Directions: Write only the number of lines in the entries below that contain the string "IFCPRODUCTDEFINITIONSHAPE".

##########

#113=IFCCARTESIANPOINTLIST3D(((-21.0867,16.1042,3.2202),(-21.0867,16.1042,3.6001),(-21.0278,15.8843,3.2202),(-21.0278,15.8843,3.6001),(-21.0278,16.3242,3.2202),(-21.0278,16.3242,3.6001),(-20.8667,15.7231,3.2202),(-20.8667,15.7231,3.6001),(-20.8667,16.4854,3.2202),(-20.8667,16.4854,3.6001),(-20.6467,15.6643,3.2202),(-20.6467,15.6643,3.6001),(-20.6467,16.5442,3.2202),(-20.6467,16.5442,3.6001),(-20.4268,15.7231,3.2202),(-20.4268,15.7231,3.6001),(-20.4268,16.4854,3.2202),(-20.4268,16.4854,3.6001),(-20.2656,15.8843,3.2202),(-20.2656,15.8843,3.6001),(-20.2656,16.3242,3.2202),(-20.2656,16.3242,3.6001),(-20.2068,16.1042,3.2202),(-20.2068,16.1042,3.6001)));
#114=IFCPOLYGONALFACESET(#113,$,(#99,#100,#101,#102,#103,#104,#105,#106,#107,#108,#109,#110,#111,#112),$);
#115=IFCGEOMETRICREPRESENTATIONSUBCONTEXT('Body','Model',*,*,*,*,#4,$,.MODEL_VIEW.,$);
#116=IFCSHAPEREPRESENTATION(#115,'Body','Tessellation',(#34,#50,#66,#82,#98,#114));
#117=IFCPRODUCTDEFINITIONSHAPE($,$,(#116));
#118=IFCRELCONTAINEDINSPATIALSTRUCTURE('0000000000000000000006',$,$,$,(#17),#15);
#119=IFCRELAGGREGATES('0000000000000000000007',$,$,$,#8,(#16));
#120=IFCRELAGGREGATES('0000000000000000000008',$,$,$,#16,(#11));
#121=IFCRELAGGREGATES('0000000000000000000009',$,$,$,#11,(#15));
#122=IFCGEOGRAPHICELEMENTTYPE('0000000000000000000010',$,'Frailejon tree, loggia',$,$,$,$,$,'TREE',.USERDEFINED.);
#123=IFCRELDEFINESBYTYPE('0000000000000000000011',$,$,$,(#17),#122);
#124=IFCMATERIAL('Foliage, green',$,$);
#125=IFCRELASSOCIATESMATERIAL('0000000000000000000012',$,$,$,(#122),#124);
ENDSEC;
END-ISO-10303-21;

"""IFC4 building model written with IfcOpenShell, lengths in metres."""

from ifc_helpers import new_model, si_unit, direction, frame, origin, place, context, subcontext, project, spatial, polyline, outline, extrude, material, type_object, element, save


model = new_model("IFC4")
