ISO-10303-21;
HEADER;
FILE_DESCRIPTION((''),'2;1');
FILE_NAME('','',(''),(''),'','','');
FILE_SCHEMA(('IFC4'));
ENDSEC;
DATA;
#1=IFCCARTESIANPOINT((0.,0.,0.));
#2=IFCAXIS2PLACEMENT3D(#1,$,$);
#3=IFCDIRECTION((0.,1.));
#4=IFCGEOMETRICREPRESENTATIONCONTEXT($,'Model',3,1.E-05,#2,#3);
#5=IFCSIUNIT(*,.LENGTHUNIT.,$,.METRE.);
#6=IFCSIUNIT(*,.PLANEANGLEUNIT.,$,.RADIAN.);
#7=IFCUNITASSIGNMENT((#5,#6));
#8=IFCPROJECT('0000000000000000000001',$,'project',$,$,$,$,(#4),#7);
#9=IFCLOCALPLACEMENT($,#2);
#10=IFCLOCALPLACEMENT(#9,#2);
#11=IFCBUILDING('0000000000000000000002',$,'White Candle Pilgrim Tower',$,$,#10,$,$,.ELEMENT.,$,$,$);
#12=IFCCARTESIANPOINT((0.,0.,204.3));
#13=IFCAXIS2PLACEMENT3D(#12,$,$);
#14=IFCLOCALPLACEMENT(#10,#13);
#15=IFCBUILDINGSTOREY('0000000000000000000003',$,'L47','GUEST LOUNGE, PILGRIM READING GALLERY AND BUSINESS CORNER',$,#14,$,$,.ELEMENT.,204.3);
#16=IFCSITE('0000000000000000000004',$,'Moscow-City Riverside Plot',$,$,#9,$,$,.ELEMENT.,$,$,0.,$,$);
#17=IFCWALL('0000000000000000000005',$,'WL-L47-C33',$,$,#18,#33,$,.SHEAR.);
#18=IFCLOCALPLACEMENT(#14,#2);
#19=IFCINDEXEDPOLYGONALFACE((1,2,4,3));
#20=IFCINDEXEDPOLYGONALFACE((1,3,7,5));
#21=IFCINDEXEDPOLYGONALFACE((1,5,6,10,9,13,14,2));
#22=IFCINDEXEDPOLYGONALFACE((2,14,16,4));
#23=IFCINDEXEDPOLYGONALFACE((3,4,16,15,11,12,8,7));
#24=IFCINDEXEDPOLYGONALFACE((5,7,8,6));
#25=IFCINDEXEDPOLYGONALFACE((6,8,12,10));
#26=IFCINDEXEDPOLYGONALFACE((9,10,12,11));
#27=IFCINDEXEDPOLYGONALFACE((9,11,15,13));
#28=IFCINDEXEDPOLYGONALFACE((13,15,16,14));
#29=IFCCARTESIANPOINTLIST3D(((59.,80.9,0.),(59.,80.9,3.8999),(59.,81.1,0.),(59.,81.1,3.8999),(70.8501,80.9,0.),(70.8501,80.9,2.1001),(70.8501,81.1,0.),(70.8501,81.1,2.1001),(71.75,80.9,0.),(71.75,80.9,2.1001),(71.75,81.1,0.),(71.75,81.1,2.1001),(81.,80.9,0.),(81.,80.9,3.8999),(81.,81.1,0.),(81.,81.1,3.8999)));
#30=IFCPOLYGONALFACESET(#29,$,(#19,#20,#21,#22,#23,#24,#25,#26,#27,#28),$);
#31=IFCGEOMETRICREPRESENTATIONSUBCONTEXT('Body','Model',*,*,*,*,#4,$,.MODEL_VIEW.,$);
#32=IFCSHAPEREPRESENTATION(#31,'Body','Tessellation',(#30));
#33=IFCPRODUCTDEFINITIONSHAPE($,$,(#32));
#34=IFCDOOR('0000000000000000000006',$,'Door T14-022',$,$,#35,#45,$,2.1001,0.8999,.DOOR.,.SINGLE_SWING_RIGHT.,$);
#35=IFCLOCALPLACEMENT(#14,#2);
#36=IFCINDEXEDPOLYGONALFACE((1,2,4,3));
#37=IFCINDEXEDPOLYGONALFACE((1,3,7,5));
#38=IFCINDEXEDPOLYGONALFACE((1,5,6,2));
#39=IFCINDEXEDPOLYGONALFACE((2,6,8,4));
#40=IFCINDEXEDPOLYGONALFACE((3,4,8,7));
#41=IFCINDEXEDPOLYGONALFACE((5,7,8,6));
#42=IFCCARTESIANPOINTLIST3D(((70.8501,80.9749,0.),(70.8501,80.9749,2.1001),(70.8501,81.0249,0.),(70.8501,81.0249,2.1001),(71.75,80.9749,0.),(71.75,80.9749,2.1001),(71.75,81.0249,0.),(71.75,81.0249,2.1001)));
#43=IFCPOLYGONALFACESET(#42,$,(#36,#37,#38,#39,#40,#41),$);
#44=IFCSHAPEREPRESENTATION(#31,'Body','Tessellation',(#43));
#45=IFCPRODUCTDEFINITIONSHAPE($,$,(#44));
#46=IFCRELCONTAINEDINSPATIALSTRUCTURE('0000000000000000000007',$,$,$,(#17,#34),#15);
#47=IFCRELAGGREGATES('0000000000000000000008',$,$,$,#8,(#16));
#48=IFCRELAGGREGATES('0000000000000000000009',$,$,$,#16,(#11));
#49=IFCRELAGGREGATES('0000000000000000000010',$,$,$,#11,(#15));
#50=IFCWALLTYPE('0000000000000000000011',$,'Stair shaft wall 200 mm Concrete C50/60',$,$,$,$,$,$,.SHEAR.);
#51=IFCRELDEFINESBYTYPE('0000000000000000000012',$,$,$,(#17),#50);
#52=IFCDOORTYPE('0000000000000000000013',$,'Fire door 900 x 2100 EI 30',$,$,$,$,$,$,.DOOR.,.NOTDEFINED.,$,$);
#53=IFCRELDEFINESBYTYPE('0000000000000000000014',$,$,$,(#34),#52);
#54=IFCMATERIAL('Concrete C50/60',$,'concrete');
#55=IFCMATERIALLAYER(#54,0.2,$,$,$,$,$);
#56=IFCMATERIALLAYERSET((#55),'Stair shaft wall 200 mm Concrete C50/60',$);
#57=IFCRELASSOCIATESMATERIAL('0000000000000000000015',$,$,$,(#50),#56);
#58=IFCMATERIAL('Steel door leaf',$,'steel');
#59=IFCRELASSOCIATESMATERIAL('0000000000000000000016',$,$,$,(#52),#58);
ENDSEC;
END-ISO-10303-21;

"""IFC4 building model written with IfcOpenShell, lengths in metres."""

from ifc_helpers import new_model, si_unit, direction, frame, frame_2d, origin, place, context, subcontext, project, spatial, rectangle, extrude, material, layer, layer_set, type_object, element, fill, save


model = new_model("IFC4")

# Units and contexts
model_context = context("Model", 3, precision=1e-05, world=origin(), true_north=direction((0.0, 1.0)))
body_context = subcontext(model_context, "Body", "Model", "MODEL_VIEW")
ifc_project = project(units=[si_unit("LENGTHUNIT", "METRE"), si_unit("PLANEANGLEUNIT", "RADIAN")], contexts=[model_context])

# Site, building, storey
site_placement = place(None, origin())
site = spatial("IfcSite", under=ifc_project, at=site_placement, Name="Moscow-City Riverside Plot", CompositionType="ELEMENT", RefElevation=0.0)
building_placement = place(site_placement, origin())
building = spatial("IfcBuilding", under=site, at=building_placement, Name="White Candle Pilgrim Tower", CompositionType="ELEMENT")
storey_placement = place(building_placement, frame((0.0, 0.0, 204.3)))
storey = spatial("IfcBuildingStorey", under=building, at=storey_placement, Name="L47", Description="GUEST LOUNGE, PILGRIM READING GALLERY AND BUSINESS CORNER", CompositionType="ELEMENT", Elevation=204.3)

# Shared definitions
ifc_material_1 = material(Name="Concrete C50/60", Category="concrete")

# Wall, opening, door
ifc_layer_1 = layer(ifc_material_1, 0.2)
ifc_layer_set_1 = layer_set([ifc_layer_1], Name="Stair shaft wall 200 mm Concrete C50/60")
wall_type_1 = type_object("IfcWallType", Name="Stair shaft wall 200 mm Concrete C50/60", PredefinedType="SHEAR", material=ifc_layer_set_1)
wall_1_placement = place(storey_placement, frame((59.0, 81.0, 0.0), z_axis=(0.0, 0.0, 1.0), x_axis=(1.0, 0.0, 0.0)))
wall_1 = element("IfcWall", 1, at=wall_1_placement, inside=storey, type_object=wall_type_1, Name="WL-L47-C33", PredefinedType="SHEAR", context=body_context, shape_type="SweptSolid", body=[
    extrude(rectangle(XDim=22.0, YDim=0.2, at=frame_2d((11.0, 0.0))), origin(), (0.0, 0.0, 1.0), 3.8999),
])
opening_1_placement = place(wall_1_placement, frame((11.8501, 0.0, 0.0)))
opening_1 = element("IfcOpeningElement", 2, at=opening_1_placement, cuts=wall_1, PredefinedType="OPENING", context=body_context, shape_type="SweptSolid", body=[
    extrude(rectangle(XDim=0.8999, YDim=2.1001, at=frame_2d((0.45, 1.05))), frame((0.0, 0.1099, 0.0), z_axis=(0.0, -1.0, 0.0), x_axis=(1.0, 0.0, 0.0)), (0.0, 0.0, 1.0), 0.22),
])
ifc_material_2 = material(Name="Steel door leaf", Category="steel")
door_type_1 = type_object("IfcDoorType", Name="Fire door 900 x 2100 EI 30", OperationType="NOTDEFINED", PredefinedType="DOOR", material=ifc_material_2)
door_1_placement = place(opening_1_placement, origin())
door_1 = element("IfcDoor", 3, at=door_1_placement, inside=storey, type_object=door_type_1, Name="Door T14-022", OperationType="SINGLE_SWING_RIGHT", OverallHeight=2.1001, OverallWidth=0.8999, PredefinedType="DOOR", context=body_context, shape_type="SweptSolid", body=[
    extrude(rectangle(XDim=0.8999, YDim=2.1001, at=frame_2d((0.45, 1.05))), frame((0.0, 0.0249, 0.0), z_axis=(0.0, -1.0, 0.0), x_axis=(1.0, 0.0, 0.0)), (0.0, 0.0, 1.0), 0.05),
])
fill(opening_1, door_1)

save(model, "model.ifc")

##########

Response to this exercise: 3